** Opening Records to process block **
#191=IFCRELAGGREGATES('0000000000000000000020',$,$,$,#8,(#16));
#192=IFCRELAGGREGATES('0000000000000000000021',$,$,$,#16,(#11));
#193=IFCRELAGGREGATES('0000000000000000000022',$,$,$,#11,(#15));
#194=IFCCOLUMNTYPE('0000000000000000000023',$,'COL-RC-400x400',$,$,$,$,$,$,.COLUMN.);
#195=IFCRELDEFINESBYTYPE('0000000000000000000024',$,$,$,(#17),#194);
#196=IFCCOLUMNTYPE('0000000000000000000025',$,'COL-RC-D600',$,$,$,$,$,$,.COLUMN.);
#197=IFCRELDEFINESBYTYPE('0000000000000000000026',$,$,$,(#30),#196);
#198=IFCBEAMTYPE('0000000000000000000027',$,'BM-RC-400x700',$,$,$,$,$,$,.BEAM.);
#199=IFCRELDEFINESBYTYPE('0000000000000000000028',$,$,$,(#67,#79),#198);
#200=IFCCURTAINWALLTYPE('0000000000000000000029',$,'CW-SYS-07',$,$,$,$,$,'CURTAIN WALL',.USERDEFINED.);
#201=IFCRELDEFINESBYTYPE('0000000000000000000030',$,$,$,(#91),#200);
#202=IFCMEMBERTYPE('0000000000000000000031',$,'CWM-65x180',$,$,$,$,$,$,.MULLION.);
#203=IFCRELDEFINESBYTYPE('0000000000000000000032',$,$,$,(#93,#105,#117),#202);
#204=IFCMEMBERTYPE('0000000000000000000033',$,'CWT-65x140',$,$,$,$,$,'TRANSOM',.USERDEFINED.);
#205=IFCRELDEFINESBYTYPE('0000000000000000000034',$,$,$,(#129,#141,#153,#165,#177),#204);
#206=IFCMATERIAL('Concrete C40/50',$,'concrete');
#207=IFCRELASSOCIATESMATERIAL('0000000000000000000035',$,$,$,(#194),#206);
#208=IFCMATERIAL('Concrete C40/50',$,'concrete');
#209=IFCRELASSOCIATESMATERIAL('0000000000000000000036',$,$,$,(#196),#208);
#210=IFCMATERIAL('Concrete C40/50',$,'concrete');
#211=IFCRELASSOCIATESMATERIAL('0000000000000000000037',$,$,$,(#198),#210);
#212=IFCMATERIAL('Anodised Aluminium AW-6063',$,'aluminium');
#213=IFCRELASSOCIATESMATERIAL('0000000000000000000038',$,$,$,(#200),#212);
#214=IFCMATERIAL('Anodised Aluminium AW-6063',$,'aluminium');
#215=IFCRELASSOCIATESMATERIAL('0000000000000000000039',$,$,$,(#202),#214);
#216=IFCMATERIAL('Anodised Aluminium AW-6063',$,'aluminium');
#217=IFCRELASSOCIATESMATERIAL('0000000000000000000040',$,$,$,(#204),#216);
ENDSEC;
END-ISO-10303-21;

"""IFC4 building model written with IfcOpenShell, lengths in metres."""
** Closing Records to process block **
• **Work instruction**
From the data above, gather every line that includes the word "IFCCOLUMNTYPE".

• **Task response**
#194=IFCCOLUMNTYPE('0000000000000000000023',$,'COL-RC-400x400',$,$,$,$,$,$,.COLUMN.);
#196=IFCCOLUMNTYPE('0000000000000000000025',$,'COL-RC-D600',$,$,$,$,$,$,.COLUMN.);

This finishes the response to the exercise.